Report each line from the data below that holds the word "IFCLOCALPLACEMENT".

- - - - - - -

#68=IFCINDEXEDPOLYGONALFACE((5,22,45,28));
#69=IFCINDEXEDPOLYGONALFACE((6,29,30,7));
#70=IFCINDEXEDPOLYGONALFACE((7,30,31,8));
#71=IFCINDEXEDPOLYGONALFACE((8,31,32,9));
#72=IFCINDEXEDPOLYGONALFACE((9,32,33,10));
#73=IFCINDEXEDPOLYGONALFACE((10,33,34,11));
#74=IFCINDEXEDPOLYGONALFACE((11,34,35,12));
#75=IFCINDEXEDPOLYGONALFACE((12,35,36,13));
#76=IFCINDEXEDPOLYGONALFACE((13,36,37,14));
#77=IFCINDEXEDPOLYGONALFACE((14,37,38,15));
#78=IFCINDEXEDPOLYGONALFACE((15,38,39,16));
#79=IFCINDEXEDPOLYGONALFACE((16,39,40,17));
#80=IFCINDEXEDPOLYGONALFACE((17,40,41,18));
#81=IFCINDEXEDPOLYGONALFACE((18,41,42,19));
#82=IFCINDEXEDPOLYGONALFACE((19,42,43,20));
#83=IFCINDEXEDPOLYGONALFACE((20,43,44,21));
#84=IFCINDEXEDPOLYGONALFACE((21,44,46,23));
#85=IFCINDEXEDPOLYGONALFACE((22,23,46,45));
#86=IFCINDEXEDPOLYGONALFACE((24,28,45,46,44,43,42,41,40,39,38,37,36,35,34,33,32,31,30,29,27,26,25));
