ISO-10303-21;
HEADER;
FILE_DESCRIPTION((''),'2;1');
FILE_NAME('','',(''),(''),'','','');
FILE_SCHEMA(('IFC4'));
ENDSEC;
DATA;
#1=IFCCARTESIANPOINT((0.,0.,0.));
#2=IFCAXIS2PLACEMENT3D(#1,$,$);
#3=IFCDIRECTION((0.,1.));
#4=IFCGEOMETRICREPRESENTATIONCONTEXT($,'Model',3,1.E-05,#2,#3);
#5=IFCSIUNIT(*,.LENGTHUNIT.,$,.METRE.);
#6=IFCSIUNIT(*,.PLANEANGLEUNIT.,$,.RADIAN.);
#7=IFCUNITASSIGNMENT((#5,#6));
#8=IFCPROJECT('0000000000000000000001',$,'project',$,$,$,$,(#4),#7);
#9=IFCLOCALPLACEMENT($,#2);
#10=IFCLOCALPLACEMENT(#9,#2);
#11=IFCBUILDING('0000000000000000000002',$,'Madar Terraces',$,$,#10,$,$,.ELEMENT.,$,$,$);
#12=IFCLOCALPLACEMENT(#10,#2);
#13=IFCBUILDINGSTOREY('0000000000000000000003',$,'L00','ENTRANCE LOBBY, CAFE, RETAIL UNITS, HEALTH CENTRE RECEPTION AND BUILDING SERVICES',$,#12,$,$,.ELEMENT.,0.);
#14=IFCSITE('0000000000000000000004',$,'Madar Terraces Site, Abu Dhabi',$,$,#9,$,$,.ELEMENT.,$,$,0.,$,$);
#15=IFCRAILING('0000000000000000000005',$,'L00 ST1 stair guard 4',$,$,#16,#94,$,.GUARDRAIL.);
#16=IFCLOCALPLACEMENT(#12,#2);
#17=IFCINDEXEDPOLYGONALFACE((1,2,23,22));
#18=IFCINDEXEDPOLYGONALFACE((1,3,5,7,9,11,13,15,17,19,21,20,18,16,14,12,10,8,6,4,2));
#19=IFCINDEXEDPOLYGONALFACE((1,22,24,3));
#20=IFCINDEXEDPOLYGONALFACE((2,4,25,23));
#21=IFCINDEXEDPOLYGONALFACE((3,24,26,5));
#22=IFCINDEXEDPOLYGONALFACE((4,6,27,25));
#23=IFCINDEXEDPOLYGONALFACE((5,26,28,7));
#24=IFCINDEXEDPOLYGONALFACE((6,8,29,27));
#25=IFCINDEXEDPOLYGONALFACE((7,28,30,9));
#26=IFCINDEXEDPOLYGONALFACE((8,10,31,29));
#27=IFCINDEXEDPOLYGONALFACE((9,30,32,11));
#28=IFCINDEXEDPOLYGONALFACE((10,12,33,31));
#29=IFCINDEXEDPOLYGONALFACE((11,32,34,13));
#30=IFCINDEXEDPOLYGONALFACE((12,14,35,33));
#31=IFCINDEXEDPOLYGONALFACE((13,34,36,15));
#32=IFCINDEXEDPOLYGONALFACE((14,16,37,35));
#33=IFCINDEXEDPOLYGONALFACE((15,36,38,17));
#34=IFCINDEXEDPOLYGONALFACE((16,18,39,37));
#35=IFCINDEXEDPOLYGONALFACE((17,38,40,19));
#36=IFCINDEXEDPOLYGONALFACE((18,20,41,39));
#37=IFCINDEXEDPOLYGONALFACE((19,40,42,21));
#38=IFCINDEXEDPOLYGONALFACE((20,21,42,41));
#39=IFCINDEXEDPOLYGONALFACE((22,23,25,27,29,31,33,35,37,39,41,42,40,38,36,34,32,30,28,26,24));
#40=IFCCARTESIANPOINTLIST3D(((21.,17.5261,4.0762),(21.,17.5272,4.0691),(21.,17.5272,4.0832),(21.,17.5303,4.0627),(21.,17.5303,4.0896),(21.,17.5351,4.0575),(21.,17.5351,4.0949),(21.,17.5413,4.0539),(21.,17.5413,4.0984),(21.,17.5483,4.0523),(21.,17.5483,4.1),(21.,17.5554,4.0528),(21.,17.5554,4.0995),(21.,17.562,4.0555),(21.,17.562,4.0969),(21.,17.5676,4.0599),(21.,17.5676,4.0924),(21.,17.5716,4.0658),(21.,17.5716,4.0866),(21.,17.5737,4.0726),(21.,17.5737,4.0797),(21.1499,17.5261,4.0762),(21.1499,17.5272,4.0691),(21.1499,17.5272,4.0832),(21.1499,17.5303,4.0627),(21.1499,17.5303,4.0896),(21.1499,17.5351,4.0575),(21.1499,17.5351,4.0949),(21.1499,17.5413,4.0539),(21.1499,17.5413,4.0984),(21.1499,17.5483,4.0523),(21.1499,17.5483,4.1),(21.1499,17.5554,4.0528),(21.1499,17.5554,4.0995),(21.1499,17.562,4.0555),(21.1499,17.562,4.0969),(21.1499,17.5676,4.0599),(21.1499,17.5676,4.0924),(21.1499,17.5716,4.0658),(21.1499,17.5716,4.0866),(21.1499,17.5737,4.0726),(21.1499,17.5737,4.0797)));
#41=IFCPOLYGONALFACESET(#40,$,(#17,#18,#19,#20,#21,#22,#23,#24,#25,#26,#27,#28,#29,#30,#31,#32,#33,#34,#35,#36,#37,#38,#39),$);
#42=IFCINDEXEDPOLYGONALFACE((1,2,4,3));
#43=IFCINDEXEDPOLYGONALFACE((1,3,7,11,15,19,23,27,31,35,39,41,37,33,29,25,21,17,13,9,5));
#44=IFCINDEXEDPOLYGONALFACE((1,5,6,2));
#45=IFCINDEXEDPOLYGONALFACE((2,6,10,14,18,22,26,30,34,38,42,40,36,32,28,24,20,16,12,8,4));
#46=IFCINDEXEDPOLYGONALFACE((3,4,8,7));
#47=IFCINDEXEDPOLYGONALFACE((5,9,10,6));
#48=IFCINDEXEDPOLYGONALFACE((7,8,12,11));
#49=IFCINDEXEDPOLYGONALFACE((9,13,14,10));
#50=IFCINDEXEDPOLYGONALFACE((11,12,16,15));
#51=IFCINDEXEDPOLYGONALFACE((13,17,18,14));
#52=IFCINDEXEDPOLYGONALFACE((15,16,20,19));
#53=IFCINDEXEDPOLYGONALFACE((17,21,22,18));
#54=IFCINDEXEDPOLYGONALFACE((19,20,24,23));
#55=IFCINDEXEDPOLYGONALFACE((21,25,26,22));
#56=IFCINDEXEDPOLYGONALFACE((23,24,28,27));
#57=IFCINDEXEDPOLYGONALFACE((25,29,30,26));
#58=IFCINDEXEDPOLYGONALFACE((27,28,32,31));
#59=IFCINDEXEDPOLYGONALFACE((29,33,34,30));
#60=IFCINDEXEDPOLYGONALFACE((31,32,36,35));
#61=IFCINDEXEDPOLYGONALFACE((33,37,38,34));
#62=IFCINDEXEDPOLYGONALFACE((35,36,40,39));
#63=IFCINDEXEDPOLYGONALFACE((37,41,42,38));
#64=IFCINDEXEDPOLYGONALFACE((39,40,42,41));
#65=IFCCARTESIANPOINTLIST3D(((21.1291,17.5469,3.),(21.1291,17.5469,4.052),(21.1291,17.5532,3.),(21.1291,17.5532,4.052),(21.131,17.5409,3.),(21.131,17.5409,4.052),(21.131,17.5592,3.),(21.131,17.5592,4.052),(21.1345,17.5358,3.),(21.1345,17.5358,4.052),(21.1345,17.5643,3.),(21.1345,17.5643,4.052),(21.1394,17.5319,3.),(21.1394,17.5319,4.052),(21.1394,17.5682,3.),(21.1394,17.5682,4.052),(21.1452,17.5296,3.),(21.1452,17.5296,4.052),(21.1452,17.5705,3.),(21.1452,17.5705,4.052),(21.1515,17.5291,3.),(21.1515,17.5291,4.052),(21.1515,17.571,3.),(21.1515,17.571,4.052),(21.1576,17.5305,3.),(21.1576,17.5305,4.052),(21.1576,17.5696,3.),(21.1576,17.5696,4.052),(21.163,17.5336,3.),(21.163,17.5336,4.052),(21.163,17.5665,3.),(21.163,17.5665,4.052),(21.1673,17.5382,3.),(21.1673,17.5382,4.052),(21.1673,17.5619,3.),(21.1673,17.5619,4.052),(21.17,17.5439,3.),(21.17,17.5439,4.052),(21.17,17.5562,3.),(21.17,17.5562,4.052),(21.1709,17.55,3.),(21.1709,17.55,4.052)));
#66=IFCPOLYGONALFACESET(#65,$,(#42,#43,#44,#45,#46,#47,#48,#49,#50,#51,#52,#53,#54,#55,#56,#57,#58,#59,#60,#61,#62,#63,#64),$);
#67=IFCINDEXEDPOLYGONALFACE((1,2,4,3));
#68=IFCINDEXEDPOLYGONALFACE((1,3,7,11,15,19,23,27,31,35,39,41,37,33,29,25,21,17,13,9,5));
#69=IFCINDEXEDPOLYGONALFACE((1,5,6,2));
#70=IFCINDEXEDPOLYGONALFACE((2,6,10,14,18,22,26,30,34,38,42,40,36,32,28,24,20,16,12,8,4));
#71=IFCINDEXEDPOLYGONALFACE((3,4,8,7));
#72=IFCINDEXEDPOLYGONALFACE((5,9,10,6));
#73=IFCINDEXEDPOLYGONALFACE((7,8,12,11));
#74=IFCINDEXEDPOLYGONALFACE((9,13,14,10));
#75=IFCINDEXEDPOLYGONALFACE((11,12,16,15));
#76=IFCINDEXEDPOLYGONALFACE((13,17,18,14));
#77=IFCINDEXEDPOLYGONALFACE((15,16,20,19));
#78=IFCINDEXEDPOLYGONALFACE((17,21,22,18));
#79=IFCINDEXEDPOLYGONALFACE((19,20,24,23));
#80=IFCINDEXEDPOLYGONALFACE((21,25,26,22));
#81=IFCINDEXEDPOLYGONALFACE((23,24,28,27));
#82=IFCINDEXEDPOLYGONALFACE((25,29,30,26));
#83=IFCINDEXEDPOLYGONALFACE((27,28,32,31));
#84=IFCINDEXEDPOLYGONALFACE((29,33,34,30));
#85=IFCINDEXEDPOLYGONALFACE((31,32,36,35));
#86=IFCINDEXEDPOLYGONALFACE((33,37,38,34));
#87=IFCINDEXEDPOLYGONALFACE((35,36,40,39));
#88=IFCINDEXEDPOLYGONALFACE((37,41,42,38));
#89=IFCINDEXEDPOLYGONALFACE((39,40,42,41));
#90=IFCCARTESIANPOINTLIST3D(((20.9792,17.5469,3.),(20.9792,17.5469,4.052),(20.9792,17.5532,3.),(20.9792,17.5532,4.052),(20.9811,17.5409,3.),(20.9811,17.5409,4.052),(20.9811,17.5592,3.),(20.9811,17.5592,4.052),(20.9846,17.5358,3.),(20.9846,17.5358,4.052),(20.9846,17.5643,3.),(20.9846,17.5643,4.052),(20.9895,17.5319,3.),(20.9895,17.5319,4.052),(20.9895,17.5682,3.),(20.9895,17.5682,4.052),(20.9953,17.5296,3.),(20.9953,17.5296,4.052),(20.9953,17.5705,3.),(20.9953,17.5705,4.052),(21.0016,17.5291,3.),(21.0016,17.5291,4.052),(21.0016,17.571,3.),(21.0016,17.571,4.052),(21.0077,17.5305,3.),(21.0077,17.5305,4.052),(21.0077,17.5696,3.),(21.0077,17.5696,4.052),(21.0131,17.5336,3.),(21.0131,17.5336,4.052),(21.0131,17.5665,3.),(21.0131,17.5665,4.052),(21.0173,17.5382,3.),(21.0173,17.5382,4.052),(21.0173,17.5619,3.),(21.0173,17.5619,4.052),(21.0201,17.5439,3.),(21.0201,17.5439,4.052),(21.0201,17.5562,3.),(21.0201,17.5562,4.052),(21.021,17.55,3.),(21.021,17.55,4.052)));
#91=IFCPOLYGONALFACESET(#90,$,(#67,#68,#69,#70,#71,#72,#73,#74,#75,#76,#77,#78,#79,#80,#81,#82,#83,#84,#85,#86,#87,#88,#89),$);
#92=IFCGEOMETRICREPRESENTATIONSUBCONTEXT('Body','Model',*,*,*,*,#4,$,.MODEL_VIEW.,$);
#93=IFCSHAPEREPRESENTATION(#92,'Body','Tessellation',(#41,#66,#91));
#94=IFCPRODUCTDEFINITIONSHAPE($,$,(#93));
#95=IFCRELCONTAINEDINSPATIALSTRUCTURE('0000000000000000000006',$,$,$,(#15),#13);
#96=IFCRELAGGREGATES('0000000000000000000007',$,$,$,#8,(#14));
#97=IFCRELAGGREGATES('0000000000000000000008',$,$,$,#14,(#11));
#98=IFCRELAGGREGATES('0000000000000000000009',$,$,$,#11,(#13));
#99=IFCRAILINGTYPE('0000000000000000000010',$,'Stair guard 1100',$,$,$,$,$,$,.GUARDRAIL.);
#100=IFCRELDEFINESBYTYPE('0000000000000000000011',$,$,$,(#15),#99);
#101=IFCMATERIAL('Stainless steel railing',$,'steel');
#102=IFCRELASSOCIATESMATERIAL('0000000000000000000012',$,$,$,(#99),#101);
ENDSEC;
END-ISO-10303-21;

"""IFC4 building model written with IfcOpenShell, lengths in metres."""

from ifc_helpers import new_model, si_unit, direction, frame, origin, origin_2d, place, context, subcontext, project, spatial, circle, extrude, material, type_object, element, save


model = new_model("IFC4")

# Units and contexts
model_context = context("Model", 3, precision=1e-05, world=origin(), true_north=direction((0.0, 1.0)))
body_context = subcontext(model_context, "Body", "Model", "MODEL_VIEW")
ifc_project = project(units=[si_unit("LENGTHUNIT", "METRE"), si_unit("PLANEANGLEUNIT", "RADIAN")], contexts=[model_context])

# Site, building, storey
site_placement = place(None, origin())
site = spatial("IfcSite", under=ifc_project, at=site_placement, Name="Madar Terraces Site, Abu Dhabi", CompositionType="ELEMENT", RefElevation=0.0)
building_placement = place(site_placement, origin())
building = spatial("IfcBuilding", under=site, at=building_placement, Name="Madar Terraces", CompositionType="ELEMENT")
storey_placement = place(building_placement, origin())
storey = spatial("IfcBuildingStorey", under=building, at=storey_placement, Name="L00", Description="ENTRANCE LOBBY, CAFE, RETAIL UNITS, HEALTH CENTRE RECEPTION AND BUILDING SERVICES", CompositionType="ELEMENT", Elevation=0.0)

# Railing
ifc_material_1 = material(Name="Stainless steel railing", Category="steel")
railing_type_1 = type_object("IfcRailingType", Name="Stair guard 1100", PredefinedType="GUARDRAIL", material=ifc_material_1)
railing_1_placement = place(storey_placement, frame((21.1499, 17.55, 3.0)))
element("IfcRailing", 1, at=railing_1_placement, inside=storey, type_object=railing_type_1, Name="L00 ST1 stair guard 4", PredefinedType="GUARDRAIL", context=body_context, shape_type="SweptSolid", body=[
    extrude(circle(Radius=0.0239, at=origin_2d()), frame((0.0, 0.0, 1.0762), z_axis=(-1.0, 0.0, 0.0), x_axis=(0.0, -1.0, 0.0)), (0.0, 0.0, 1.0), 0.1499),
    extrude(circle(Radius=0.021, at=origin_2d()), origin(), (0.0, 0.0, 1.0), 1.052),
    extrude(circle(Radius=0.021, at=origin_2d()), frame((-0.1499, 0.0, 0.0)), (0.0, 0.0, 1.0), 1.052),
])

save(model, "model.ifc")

- - - - - - -

■ **WRITTEN RESPONSE**:
#9=IFCLOCALPLACEMENT($,#2);
#10=IFCLOCALPLACEMENT(#9,#2);
#12=IFCLOCALPLACEMENT(#10,#2);
#16=IFCLOCALPLACEMENT(#12,#2);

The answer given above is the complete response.